--- Provided information ---

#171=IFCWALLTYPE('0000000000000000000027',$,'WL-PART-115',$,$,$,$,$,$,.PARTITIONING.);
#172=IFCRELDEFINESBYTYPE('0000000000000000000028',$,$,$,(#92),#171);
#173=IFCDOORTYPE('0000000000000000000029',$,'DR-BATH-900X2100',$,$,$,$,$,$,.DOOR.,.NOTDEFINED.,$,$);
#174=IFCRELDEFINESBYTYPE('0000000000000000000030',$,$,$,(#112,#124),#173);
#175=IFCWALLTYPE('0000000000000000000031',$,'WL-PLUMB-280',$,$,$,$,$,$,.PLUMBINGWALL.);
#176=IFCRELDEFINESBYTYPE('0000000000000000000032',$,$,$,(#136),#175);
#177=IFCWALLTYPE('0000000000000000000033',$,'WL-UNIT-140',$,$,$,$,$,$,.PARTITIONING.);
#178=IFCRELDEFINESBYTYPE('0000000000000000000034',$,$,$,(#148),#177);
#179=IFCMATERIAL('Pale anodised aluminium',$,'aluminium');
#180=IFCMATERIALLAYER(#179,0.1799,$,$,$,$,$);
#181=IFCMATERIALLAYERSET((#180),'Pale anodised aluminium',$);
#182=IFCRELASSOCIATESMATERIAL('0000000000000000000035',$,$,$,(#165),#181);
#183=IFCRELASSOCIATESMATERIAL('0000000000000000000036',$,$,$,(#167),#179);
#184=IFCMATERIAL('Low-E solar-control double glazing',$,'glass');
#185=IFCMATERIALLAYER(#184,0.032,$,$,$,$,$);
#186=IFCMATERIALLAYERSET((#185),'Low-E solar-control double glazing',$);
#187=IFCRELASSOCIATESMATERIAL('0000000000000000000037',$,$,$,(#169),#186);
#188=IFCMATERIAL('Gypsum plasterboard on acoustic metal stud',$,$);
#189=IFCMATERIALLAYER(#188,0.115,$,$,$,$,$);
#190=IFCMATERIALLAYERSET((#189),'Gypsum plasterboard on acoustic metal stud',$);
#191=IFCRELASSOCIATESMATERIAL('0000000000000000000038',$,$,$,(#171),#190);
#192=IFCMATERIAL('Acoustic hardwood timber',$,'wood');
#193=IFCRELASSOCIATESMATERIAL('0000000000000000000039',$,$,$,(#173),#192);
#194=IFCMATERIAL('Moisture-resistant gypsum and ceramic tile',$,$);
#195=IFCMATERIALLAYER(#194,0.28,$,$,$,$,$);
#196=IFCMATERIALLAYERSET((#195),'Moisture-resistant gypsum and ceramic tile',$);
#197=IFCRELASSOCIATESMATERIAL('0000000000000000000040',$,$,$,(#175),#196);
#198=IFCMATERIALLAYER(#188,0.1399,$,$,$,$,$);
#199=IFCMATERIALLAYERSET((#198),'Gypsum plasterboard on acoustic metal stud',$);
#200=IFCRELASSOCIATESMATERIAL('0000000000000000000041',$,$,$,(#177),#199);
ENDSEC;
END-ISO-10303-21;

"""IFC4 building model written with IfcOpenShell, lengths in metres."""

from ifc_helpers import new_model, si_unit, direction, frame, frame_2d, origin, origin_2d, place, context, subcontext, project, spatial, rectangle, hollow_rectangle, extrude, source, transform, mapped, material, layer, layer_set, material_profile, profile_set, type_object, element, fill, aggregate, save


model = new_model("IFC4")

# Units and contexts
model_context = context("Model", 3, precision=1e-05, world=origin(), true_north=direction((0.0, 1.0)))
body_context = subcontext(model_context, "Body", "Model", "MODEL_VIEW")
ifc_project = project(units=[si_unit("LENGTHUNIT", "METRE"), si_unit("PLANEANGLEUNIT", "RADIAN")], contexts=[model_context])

---

**Instructions for the task:**
All lines from the one with "world=origin(), true_north=direction((0.0, 1.0)))" through the end of the material above are to be printed exactly, and only those.

**Solution:**
model_context = context("Model", 3, precision=1e-05, world=origin(), true_north=direction((0.0, 1.0)))
body_context = subcontext(model_context, "Body", "Model", "MODEL_VIEW")
ifc_project = project(units=[si_unit("LENGTHUNIT", "METRE"), si_unit("PLANEANGLEUNIT", "RADIAN")], contexts=[model_context])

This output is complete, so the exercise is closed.